Task prompt |
Return exactly the span of lines in the following data that opens with the line containing "#64=IFCINDEXEDPOLYGONALFACE((13,15,16,14));" and closes with the line containing "#81=IFCINDEXEDPOLYGONALFACE((47,49,50,48));". Include nothing else.

Records for this exercise |

--- START ---

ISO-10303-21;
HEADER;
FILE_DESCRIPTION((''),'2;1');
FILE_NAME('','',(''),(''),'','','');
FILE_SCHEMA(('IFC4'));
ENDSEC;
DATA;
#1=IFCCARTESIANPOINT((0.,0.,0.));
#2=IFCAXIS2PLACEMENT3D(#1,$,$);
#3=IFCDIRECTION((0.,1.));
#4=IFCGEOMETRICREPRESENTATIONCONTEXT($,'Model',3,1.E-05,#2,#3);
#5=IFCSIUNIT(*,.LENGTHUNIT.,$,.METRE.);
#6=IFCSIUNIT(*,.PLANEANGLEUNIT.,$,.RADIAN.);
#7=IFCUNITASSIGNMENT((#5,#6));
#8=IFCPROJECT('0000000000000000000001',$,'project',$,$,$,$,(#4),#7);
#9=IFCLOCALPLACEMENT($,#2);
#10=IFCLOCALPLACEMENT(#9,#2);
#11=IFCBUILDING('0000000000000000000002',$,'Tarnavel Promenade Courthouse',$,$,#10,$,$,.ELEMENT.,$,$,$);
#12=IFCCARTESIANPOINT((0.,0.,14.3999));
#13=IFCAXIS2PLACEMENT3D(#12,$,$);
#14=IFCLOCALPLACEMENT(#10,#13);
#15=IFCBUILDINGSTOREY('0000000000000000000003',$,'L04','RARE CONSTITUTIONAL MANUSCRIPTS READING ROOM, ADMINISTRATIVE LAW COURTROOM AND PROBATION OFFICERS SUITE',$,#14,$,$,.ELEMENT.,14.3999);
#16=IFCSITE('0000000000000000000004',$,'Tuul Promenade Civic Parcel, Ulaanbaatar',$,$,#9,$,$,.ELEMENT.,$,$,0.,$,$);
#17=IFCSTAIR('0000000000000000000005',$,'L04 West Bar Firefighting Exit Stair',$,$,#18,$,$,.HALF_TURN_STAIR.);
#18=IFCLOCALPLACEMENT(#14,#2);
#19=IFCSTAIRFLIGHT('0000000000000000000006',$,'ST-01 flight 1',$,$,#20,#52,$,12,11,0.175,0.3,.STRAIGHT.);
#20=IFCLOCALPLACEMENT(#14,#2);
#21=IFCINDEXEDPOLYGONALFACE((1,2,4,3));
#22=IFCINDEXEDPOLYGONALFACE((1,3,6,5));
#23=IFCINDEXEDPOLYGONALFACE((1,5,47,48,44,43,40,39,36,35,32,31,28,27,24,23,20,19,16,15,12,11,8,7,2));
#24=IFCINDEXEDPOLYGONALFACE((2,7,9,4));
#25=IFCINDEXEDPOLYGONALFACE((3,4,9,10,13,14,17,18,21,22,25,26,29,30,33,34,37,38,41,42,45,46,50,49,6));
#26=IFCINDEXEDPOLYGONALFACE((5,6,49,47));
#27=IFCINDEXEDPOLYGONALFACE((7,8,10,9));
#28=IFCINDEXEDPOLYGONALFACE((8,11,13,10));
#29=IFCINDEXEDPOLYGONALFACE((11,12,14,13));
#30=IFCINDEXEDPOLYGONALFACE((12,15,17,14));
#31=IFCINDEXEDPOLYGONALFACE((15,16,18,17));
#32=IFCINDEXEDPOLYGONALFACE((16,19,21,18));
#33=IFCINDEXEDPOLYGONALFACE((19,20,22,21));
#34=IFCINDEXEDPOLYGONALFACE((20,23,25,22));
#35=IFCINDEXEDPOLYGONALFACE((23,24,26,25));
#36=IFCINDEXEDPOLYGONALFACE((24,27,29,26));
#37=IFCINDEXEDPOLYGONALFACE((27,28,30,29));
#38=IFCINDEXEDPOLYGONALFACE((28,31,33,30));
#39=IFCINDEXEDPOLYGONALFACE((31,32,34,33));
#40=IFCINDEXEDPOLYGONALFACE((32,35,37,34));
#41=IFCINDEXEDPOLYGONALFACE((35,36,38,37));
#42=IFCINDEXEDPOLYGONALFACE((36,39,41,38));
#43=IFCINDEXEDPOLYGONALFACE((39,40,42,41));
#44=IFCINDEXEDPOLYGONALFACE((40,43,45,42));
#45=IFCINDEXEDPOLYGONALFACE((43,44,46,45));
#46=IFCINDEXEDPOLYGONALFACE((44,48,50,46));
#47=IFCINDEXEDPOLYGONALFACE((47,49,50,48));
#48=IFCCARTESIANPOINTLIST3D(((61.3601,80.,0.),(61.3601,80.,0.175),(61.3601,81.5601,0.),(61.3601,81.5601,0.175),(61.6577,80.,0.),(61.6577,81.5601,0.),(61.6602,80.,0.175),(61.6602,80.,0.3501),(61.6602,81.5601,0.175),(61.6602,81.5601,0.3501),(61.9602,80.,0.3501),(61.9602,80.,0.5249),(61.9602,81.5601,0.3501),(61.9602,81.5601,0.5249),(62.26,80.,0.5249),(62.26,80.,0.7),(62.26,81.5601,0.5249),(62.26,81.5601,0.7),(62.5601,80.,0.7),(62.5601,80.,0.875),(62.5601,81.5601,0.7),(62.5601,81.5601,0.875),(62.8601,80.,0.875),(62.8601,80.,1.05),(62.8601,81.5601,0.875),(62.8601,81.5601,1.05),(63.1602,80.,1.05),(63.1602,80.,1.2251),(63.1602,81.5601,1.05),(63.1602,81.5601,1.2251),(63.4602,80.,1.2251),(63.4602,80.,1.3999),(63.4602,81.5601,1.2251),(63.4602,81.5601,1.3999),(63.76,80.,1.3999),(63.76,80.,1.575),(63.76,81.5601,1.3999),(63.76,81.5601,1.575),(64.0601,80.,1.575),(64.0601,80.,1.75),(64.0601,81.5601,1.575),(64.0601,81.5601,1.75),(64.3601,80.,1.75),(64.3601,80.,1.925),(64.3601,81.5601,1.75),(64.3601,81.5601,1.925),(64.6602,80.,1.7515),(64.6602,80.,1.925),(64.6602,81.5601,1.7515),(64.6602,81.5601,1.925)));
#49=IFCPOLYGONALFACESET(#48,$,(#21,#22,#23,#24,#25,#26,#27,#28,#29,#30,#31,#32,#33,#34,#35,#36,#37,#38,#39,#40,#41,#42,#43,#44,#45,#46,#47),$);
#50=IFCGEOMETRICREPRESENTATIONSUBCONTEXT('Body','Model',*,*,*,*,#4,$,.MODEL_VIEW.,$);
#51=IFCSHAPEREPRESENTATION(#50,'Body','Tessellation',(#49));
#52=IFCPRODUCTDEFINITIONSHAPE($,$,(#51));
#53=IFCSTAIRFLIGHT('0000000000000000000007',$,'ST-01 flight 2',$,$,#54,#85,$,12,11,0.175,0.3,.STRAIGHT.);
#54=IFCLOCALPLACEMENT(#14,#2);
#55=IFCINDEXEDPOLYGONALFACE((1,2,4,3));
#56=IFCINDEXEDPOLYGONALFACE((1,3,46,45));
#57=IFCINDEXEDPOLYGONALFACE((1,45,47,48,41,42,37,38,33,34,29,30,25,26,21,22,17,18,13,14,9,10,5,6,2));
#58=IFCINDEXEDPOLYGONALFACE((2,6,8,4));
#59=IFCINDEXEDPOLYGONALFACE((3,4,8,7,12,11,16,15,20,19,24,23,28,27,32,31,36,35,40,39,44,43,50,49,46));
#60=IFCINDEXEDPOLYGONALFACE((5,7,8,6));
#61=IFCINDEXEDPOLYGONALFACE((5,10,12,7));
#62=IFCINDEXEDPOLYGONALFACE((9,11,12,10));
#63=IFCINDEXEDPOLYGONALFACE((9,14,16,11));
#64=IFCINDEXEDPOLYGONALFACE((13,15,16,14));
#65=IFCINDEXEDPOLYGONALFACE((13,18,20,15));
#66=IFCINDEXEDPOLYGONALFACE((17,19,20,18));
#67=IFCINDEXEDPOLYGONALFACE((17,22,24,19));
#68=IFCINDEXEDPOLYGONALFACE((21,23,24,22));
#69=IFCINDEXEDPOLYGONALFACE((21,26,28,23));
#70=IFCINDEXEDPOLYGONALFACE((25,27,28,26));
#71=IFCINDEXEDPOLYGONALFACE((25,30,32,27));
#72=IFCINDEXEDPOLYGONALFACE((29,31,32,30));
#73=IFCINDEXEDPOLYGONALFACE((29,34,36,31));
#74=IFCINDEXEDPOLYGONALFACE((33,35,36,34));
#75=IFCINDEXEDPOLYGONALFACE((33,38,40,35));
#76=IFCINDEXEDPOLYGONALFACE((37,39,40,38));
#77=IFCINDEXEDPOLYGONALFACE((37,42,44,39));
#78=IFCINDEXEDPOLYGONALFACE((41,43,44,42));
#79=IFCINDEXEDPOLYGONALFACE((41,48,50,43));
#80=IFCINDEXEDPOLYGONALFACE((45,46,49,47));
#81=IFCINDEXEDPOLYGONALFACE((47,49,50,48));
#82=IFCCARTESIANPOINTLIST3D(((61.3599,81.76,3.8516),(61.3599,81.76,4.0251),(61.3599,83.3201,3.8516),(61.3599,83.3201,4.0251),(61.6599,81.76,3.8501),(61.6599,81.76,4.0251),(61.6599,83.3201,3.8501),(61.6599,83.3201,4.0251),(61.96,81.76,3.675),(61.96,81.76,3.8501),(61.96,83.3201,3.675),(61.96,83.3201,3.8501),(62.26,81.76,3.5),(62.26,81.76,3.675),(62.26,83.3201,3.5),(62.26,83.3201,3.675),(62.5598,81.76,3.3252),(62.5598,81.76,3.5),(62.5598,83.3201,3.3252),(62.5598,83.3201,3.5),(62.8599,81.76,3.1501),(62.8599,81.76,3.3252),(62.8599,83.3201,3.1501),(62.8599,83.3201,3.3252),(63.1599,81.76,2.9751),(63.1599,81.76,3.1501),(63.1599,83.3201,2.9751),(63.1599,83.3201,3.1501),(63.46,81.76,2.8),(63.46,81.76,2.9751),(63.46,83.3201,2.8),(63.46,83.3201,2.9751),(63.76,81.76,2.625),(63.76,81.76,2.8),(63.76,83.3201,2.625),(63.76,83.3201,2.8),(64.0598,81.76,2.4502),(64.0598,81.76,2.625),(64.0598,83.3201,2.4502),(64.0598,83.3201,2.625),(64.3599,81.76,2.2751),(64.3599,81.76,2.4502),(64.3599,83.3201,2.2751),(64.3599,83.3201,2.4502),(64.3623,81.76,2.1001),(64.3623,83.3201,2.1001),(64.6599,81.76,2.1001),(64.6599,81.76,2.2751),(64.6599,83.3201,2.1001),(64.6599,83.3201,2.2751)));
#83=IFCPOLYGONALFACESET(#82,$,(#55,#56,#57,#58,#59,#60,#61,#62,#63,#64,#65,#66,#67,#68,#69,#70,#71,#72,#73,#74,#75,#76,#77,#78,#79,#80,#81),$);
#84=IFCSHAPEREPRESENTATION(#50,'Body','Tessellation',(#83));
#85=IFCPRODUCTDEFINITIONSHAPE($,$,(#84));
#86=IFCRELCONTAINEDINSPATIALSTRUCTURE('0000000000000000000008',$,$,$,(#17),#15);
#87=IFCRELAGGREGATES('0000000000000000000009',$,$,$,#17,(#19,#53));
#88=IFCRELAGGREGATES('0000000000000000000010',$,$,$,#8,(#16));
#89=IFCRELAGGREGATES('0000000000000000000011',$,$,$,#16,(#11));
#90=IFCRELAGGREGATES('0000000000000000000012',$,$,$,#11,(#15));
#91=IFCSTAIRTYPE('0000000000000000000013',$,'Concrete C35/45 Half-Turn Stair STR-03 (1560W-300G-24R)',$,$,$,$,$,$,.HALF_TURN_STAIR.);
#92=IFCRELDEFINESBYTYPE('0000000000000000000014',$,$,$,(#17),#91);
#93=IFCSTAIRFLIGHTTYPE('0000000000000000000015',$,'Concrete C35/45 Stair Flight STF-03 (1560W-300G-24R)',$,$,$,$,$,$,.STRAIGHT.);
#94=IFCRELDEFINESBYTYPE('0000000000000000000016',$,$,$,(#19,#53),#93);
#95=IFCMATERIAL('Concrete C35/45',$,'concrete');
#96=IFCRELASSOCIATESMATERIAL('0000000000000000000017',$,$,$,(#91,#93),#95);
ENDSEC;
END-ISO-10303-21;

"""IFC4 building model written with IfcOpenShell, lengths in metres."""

from ifc_helpers import new_model, si_unit, direction, frame, origin, place, context, subcontext, project, spatial, polyline, outline, extrude, material, type_object, element, aggregate, save


model = new_model("IFC4")

# Units and contexts
model_context = context("Model", 3, precision=1e-05, world=origin(), true_north=direction((0.0, 1.0)))
body_context = subcontext(model_context, "Body", "Model", "MODEL_VIEW")
ifc_project = project(units=[si_unit("LENGTHUNIT", "METRE"), si_unit("PLANEANGLEUNIT", "RADIAN")], contexts=[model_context])

# Site, building, storey
site_placement = place(None, origin())
site = spatial("IfcSite", under=ifc_project, at=site_placement, Name="Tuul Promenade Civic Parcel, Ulaanbaatar", CompositionType="ELEMENT", RefElevation=0.0)
building_placement = place(site_placement, origin())
building = spatial("IfcBuilding", under=site, at=building_placement, Name="Tarnavel Promenade Courthouse", CompositionType="ELEMENT")
storey_placement = place(building_placement, frame((0.0, 0.0, 14.3999)))
storey = spatial("IfcBuildingStorey", under=building, at=storey_placement, Name="L04", Description="RARE CONSTITUTIONAL MANUSCRIPTS READING ROOM, ADMINISTRATIVE LAW COURTROOM AND PROBATION OFFICERS SUITE", CompositionType="ELEMENT", Elevation=14.3999)

# Stair, stair flights
ifc_material_1 = material(Name="Concrete C35/45", Category="concrete")
stair_type = type_object("IfcStairType", Name="Concrete C35/45 Half-Turn Stair STR-03 (1560W-300G-24R)", PredefinedType="HALF_TURN_STAIR", material=ifc_material_1)
stair_placement = place(storey_placement, origin())
stair = element("IfcStair", 1, at=stair_placement, inside=storey, type_object=stair_type, Name="L04 West Bar Firefighting Exit Stair", PredefinedType="HALF_TURN_STAIR")
stair_flight_type = type_object("IfcStairFlightType", Name="Concrete C35/45 Stair Flight STF-03 (1560W-300G-24R)", PredefinedType="STRAIGHT", material=ifc_material_1)
stair_flight_1_placement = place(storey_placement, frame((61.3601, 80.78, 0.0), z_axis=(0.0, 0.0, 1.0), x_axis=(1.0, 0.0, 0.0)))
stair_flight_1 = element("IfcStairFlight", 2, at=stair_flight_1_placement, type_object=stair_flight_type, Name="ST-01 flight 1", NumberOfRisers=12, NumberOfTreads=11, PredefinedType="STRAIGHT", RiserHeight=0.175, TreadLength=0.3, context=body_context, shape_type="SweptSolid", body=[
    extrude(outline(polyline([(0.0, 0.0), (0.0, 0.175), (0.3, 0.175), (0.3, 0.3501), (0.6001, 0.3501), (0.6001, 0.5249), (0.8999, 0.5249), (0.8999, 0.7), (1.2, 0.7), (1.2, 0.875), (1.5, 0.875), (1.5, 1.05), (1.8, 1.05), (1.8, 1.2251), (2.1001, 1.2251), (2.1001, 1.3999), (2.3999, 1.3999), (2.3999, 1.575), (2.7, 1.575), (2.7, 1.75), (3.0, 1.75), (3.0, 1.925), (3.3, 1.925), (3.3, 2.1001), (3.3, 1.7515), (0.2976, 0.0), (0.0, 0.0)])), frame((0.0, 0.78, 0.0), z_axis=(0.0, -1.0, 0.0), x_axis=(1.0, 0.0, 0.0)), (0.0, 0.0, 1.0), 1.5601),
])
stair_flight_2_placement = place(storey_placement, frame((64.6599, 82.54, 2.1001), z_axis=(0.0, 0.0, 1.0), x_axis=(-1.0, 0.0, 0.0)))
stair_flight_2 = element("IfcStairFlight", 3, at=stair_flight_2_placement, type_object=stair_flight_type, Name="ST-01 flight 2", NumberOfRisers=12, NumberOfTreads=11, PredefinedType="STRAIGHT", RiserHeight=0.175, TreadLength=0.3, context=body_context, shape_type="SweptSolid", body=[
    extrude(outline(polyline([(0.0, 0.0), (0.0, 0.175), (0.3, 0.175), (0.3, 0.3501), (0.6001, 0.3501), (0.6001, 0.5249), (0.8999, 0.5249), (0.8999, 0.7), (1.2, 0.7), (1.2, 0.875), (1.5, 0.875), (1.5, 1.05), (1.8, 1.05), (1.8, 1.2251), (2.1001, 1.2251), (2.1001, 1.3999), (2.3999, 1.3999), (2.3999, 1.575), (2.7, 1.575), (2.7, 1.75), (3.0, 1.75), (3.0, 1.925), (3.3, 1.925), (3.3, 2.1001), (3.3, 1.7515), (0.2976, 0.0), (0.0, 0.0)])), frame((0.0, 0.78, 0.0), z_axis=(0.0, -1.0, 0.0), x_axis=(1.0, 0.0, 0.0)), (0.0, 0.0, 1.0), 1.5601),
])
aggregate(stair, [stair_flight_1, stair_flight_2])

save(model, "model.ifc")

--- END ---

Reply |
#64=IFCINDEXEDPOLYGONALFACE((13,15,16,14));
#65=IFCINDEXEDPOLYGONALFACE((13,18,20,15));
#66=IFCINDEXEDPOLYGONALFACE((17,19,20,18));
#67=IFCINDEXEDPOLYGONALFACE((17,22,24,19));
#68=IFCINDEXEDPOLYGONALFACE((21,23,24,22));
#69=IFCINDEXEDPOLYGONALFACE((21,26,28,23));
#70=IFCINDEXEDPOLYGONALFACE((25,27,28,26));
#71=IFCINDEXEDPOLYGONALFACE((25,30,32,27));
#72=IFCINDEXEDPOLYGONALFACE((29,31,32,30));
#73=IFCINDEXEDPOLYGONALFACE((29,34,36,31));
#74=IFCINDEXEDPOLYGONALFACE((33,35,36,34));
#75=IFCINDEXEDPOLYGONALFACE((33,38,40,35));
#76=IFCINDEXEDPOLYGONALFACE((37,39,40,38));
#77=IFCINDEXEDPOLYGONALFACE((37,42,44,39));
#78=IFCINDEXEDPOLYGONALFACE((41,43,44,42));
#79=IFCINDEXEDPOLYGONALFACE((41,48,50,43));
#80=IFCINDEXEDPOLYGONALFACE((45,46,49,47));
#81=IFCINDEXEDPOLYGONALFACE((47,49,50,48));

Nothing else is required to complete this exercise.